* Data for analysis:
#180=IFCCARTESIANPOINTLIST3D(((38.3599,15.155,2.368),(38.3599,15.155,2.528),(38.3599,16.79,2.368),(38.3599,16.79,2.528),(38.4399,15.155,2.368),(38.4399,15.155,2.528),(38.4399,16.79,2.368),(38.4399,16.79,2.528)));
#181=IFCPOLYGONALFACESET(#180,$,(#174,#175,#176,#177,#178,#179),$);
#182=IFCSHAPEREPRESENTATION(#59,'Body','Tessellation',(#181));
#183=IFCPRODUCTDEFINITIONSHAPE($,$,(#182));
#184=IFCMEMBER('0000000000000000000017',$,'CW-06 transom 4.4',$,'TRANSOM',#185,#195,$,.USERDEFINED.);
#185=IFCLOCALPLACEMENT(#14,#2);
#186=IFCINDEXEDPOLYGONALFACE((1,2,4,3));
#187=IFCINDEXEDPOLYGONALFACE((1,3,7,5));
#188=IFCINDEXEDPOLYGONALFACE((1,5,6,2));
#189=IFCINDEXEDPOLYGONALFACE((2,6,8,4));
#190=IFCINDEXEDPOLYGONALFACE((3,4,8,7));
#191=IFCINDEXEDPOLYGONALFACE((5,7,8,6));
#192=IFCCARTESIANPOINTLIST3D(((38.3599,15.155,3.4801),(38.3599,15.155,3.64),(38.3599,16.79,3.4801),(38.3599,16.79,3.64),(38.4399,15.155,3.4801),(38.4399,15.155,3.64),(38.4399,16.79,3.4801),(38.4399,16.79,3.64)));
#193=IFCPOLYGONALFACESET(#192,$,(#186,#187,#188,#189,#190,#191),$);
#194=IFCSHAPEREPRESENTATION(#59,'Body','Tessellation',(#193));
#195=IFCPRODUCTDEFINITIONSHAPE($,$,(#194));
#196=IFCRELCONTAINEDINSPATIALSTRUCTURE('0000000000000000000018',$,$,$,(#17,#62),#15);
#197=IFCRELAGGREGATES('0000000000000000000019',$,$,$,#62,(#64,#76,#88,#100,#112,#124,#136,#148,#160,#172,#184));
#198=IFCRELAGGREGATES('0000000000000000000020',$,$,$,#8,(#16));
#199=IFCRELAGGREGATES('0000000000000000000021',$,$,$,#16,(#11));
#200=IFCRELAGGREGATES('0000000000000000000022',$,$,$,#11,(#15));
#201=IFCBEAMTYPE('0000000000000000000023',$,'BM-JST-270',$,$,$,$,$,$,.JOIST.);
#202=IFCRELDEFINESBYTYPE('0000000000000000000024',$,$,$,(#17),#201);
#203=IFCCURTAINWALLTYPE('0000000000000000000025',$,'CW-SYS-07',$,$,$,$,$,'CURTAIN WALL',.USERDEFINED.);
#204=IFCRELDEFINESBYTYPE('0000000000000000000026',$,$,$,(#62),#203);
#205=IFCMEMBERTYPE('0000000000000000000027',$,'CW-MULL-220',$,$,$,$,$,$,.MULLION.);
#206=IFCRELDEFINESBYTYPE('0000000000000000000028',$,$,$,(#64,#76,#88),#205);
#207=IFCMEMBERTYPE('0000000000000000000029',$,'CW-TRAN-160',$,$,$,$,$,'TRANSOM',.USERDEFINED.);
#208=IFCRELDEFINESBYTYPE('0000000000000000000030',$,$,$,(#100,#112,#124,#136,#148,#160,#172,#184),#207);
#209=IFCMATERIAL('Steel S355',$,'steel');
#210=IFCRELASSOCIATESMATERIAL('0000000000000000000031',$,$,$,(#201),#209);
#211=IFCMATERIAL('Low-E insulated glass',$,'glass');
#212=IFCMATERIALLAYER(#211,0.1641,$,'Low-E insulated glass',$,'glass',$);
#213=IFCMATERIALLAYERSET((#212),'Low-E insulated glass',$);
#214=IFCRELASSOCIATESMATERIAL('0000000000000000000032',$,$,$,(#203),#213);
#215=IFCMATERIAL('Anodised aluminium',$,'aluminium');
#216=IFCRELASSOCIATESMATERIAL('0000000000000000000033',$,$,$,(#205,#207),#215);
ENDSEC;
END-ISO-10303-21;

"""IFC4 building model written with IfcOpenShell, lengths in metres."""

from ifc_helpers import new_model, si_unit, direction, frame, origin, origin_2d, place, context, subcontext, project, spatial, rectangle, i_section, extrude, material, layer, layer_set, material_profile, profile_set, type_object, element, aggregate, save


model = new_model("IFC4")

==

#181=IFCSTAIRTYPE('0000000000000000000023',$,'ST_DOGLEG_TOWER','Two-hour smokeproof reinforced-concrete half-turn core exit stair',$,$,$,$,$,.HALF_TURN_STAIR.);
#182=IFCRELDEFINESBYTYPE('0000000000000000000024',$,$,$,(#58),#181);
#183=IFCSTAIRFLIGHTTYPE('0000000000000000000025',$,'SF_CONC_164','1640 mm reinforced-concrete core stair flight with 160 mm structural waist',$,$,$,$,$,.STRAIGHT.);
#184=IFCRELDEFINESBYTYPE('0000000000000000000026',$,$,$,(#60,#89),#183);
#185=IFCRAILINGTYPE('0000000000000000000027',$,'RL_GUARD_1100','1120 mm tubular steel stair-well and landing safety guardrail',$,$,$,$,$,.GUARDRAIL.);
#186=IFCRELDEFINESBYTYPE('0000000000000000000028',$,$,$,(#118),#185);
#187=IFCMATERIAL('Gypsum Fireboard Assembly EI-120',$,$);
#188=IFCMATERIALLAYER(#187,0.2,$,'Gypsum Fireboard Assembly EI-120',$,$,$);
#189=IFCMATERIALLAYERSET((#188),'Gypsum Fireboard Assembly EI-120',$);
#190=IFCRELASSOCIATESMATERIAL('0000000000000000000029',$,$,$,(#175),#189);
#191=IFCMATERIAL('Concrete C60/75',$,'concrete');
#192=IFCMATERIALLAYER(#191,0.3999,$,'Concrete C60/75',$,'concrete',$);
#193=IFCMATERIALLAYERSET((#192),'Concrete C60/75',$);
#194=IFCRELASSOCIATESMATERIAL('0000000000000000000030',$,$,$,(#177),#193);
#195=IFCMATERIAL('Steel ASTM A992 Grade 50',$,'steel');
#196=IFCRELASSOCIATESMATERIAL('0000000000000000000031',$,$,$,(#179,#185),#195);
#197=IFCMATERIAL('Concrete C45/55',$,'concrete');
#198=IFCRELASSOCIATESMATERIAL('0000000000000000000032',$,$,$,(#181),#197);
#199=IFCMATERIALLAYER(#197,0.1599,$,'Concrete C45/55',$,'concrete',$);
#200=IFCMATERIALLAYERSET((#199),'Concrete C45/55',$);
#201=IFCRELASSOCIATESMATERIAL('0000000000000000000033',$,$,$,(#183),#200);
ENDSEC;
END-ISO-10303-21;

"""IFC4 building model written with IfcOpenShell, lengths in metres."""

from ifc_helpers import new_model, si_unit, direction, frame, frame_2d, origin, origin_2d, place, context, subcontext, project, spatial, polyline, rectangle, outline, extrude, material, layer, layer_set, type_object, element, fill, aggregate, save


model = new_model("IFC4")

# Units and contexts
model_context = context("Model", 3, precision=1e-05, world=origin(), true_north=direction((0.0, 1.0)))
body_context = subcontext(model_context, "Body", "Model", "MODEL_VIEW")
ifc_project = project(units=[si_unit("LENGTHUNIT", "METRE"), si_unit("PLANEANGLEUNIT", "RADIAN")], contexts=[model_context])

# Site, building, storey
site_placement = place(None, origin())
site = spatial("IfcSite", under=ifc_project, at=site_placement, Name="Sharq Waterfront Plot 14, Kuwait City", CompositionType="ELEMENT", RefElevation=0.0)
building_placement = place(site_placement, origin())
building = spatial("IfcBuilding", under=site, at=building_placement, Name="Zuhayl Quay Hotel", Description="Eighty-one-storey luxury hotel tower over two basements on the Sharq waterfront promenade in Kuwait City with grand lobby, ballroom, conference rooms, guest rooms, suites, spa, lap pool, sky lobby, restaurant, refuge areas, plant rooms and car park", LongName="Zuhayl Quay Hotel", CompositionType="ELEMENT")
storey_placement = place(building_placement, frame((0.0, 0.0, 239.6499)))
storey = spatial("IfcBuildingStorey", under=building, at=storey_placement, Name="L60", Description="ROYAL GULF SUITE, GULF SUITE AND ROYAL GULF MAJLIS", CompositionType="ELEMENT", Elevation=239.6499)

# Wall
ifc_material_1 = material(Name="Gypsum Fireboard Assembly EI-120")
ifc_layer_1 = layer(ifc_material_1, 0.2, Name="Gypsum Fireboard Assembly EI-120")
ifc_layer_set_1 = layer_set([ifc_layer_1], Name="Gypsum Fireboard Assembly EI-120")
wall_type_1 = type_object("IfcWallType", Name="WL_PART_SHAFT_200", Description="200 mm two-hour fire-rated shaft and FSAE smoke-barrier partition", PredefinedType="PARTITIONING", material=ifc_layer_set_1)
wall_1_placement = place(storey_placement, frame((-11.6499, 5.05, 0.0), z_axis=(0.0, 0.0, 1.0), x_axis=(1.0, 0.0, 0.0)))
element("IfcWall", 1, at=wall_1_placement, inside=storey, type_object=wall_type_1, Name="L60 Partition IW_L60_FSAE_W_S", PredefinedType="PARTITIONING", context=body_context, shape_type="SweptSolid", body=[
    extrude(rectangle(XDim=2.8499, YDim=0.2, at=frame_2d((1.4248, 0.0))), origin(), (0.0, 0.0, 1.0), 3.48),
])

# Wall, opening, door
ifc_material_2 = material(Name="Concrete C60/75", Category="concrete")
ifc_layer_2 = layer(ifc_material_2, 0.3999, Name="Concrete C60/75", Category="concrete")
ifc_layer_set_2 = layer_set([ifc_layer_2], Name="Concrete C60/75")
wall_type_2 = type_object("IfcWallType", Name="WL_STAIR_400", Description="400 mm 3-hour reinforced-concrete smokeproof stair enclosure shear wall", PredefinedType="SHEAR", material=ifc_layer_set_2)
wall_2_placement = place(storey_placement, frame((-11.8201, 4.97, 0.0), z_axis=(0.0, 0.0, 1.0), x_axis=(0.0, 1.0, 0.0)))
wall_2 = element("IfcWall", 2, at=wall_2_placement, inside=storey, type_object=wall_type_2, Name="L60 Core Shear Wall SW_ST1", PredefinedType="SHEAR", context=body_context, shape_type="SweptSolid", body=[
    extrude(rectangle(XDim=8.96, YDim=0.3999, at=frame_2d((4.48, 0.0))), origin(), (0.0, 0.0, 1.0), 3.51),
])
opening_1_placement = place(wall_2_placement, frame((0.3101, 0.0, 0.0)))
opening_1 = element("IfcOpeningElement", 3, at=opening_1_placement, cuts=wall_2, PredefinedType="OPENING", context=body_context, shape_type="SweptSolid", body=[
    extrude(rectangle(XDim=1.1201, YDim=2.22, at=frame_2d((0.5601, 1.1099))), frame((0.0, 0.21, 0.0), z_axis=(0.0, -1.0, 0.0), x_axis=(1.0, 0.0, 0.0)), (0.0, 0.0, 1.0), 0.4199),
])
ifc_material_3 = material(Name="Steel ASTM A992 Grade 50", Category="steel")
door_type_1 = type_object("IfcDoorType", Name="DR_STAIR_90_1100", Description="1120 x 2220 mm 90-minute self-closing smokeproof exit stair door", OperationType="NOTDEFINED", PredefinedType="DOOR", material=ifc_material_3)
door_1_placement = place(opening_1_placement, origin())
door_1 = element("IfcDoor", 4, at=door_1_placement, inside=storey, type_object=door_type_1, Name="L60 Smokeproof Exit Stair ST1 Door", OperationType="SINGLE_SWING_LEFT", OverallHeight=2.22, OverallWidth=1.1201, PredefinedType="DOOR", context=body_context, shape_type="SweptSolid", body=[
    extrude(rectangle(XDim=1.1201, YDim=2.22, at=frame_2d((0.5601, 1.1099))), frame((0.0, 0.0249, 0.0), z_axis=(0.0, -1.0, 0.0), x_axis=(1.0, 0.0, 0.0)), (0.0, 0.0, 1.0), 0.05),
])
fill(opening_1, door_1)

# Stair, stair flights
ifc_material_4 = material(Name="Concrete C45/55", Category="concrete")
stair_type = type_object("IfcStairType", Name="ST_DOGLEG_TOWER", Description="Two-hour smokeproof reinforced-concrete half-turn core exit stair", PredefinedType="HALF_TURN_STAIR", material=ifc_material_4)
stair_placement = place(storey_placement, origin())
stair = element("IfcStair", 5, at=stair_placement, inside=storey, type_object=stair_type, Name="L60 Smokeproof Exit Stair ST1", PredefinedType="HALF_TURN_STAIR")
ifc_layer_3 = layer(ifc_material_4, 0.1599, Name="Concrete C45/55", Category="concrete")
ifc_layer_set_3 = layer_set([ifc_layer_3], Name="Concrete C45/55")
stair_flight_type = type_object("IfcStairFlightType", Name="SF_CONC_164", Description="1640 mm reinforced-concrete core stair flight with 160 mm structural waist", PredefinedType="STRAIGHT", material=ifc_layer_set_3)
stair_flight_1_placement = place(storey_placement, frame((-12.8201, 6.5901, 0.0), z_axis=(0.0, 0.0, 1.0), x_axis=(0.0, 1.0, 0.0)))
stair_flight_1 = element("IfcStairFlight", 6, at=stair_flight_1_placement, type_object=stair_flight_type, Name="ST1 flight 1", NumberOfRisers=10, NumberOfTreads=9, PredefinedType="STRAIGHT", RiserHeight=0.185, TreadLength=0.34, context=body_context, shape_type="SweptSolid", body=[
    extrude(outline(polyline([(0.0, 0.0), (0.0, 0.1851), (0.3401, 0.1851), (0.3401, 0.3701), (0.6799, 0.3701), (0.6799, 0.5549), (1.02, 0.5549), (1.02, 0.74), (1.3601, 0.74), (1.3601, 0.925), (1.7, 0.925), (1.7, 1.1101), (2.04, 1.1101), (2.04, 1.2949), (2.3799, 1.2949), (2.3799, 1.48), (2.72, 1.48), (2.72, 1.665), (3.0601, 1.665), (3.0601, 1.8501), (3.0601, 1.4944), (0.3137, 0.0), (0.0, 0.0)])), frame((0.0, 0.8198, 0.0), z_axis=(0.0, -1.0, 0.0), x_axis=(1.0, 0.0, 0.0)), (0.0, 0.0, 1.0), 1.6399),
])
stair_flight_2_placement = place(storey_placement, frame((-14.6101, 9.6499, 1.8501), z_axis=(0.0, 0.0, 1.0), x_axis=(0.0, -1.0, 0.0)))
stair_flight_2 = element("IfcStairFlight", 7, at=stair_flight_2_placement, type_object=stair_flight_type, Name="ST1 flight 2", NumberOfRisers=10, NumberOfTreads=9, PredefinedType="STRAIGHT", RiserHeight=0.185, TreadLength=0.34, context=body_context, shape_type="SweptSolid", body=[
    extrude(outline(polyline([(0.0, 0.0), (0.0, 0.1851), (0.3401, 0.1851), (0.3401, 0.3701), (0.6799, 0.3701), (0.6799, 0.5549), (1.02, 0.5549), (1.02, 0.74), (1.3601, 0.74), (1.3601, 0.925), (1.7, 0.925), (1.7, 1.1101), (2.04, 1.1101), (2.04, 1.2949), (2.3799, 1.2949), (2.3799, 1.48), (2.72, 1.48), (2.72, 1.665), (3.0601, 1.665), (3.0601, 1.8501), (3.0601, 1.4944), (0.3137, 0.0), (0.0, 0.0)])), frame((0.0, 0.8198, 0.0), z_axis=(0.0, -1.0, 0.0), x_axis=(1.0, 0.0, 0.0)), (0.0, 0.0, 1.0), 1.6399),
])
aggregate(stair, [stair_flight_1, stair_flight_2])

* What needs to be done:
Your answer must be the lines above from the one containing "#187=IFCINDEXEDPOLYGONALFACE((1,3,7,5));" to the one containing "#213=IFCMATERIALLAYERSET((#212),'Low-E insulated glass',$);", both included, restated word for word.

* Result for this exercise:
#187=IFCINDEXEDPOLYGONALFACE((1,3,7,5));
#188=IFCINDEXEDPOLYGONALFACE((1,5,6,2));
#189=IFCINDEXEDPOLYGONALFACE((2,6,8,4));
#190=IFCINDEXEDPOLYGONALFACE((3,4,8,7));
#191=IFCINDEXEDPOLYGONALFACE((5,7,8,6));
#192=IFCCARTESIANPOINTLIST3D(((38.3599,15.155,3.4801),(38.3599,15.155,3.64),(38.3599,16.79,3.4801),(38.3599,16.79,3.64),(38.4399,15.155,3.4801),(38.4399,15.155,3.64),(38.4399,16.79,3.4801),(38.4399,16.79,3.64)));
#193=IFCPOLYGONALFACESET(#192,$,(#186,#187,#188,#189,#190,#191),$);
#194=IFCSHAPEREPRESENTATION(#59,'Body','Tessellation',(#193));
#195=IFCPRODUCTDEFINITIONSHAPE($,$,(#194));
#196=IFCRELCONTAINEDINSPATIALSTRUCTURE('0000000000000000000018',$,$,$,(#17,#62),#15);
#197=IFCRELAGGREGATES('0000000000000000000019',$,$,$,#62,(#64,#76,#88,#100,#112,#124,#136,#148,#160,#172,#184));
#198=IFCRELAGGREGATES('0000000000000000000020',$,$,$,#8,(#16));
#199=IFCRELAGGREGATES('0000000000000000000021',$,$,$,#16,(#11));
#200=IFCRELAGGREGATES('0000000000000000000022',$,$,$,#11,(#15));
#201=IFCBEAMTYPE('0000000000000000000023',$,'BM-JST-270',$,$,$,$,$,$,.JOIST.);
#202=IFCRELDEFINESBYTYPE('0000000000000000000024',$,$,$,(#17),#201);
#203=IFCCURTAINWALLTYPE('0000000000000000000025',$,'CW-SYS-07',$,$,$,$,$,'CURTAIN WALL',.USERDEFINED.);
#204=IFCRELDEFINESBYTYPE('0000000000000000000026',$,$,$,(#62),#203);
#205=IFCMEMBERTYPE('0000000000000000000027',$,'CW-MULL-220',$,$,$,$,$,$,.MULLION.);
#206=IFCRELDEFINESBYTYPE('0000000000000000000028',$,$,$,(#64,#76,#88),#205);
#207=IFCMEMBERTYPE('0000000000000000000029',$,'CW-TRAN-160',$,$,$,$,$,'TRANSOM',.USERDEFINED.);
#208=IFCRELDEFINESBYTYPE('0000000000000000000030',$,$,$,(#100,#112,#124,#136,#148,#160,#172,#184),#207);
#209=IFCMATERIAL('Steel S355',$,'steel');
#210=IFCRELASSOCIATESMATERIAL('0000000000000000000031',$,$,$,(#201),#209);
#211=IFCMATERIAL('Low-E insulated glass',$,'glass');
#212=IFCMATERIALLAYER(#211,0.1641,$,'Low-E insulated glass',$,'glass',$);
#213=IFCMATERIALLAYERSET((#212),'Low-E insulated glass',$);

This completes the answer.